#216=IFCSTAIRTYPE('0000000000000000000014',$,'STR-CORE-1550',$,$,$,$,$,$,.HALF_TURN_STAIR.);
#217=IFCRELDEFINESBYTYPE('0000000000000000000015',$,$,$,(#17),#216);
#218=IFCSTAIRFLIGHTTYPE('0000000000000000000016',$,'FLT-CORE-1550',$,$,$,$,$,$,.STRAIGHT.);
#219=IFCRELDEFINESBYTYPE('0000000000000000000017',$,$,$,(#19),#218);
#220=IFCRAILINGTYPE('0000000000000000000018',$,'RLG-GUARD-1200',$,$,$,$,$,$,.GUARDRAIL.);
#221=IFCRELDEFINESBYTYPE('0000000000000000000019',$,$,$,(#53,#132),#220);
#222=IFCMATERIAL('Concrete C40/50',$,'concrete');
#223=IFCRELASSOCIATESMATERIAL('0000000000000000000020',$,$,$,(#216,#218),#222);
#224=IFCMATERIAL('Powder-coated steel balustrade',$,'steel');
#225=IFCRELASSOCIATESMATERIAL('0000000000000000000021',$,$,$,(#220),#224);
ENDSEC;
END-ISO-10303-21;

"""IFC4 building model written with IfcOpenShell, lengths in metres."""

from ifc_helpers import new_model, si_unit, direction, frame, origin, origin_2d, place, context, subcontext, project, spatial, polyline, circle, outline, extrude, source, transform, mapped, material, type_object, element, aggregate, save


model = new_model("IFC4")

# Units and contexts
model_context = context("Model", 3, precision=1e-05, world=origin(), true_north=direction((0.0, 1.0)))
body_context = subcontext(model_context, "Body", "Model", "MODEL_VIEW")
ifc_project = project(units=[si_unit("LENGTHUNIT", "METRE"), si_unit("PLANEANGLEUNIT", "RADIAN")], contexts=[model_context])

=-=-=

Lines in the data that hold "direction" must be located and copied.

-- EXERCISE ANSWER --
from ifc_helpers import new_model, si_unit, direction, frame, origin, origin_2d, place, context, subcontext, project, spatial, polyline, circle, outline, extrude, source, transform, mapped, material, type_object, element, aggregate, save
model_context = context("Model", 3, precision=1e-05, world=origin(), true_north=direction((0.0, 1.0)))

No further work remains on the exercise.